WORK TASK — Search the listing below for the string "IfcOpeningElement", then copy every line it appears in.

DATASET EXCERPTS —
%%

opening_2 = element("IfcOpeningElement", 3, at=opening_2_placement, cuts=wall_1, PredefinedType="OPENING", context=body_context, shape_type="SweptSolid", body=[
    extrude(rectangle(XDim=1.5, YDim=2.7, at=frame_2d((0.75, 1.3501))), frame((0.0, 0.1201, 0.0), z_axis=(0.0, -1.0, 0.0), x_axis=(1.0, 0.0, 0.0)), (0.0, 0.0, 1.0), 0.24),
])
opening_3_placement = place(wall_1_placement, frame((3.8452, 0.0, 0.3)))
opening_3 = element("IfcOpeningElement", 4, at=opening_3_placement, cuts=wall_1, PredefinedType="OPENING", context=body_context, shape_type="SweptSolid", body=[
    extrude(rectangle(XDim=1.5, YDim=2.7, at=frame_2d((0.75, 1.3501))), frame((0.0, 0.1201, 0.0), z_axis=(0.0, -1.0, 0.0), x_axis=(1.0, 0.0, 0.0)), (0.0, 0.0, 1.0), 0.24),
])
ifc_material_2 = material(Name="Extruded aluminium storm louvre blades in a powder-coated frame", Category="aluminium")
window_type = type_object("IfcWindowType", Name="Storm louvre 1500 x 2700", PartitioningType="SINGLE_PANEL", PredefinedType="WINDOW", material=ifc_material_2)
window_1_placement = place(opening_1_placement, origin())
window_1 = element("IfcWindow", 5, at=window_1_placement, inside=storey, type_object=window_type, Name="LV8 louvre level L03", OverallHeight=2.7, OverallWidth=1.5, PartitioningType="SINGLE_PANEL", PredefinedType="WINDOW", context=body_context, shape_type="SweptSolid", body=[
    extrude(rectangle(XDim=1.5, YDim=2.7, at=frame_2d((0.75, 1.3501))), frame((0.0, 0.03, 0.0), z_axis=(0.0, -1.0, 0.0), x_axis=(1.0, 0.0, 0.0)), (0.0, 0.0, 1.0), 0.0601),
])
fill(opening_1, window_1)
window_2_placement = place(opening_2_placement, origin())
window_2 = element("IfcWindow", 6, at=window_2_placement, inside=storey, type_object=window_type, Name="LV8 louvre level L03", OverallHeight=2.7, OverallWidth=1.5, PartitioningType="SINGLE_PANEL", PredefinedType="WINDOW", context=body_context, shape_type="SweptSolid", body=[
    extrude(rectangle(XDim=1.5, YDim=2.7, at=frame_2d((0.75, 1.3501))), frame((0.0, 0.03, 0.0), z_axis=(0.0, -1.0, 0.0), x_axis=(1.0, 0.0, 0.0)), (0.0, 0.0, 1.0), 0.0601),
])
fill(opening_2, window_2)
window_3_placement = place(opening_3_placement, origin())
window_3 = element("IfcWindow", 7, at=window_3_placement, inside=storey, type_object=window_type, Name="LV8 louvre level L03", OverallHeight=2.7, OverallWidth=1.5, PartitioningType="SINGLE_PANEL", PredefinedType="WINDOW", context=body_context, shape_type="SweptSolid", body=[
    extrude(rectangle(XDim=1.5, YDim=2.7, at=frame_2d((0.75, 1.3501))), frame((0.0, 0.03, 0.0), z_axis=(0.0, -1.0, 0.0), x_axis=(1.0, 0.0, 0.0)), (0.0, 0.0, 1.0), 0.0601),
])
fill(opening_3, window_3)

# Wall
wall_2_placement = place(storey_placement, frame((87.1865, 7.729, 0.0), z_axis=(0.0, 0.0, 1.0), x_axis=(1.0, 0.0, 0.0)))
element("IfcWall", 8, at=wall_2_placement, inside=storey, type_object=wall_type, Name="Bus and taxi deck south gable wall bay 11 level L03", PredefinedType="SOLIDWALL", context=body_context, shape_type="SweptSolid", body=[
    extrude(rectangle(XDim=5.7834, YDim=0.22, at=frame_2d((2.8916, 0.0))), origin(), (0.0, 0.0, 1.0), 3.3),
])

%%

RESPONSE TO THE EXERCISE —
opening_2 = element("IfcOpeningElement", 3, at=opening_2_placement, cuts=wall_1, PredefinedType="OPENING", context=body_context, shape_type="SweptSolid", body=[
opening_3 = element("IfcOpeningElement", 4, at=opening_3_placement, cuts=wall_1, PredefinedType="OPENING", context=body_context, shape_type="SweptSolid", body=[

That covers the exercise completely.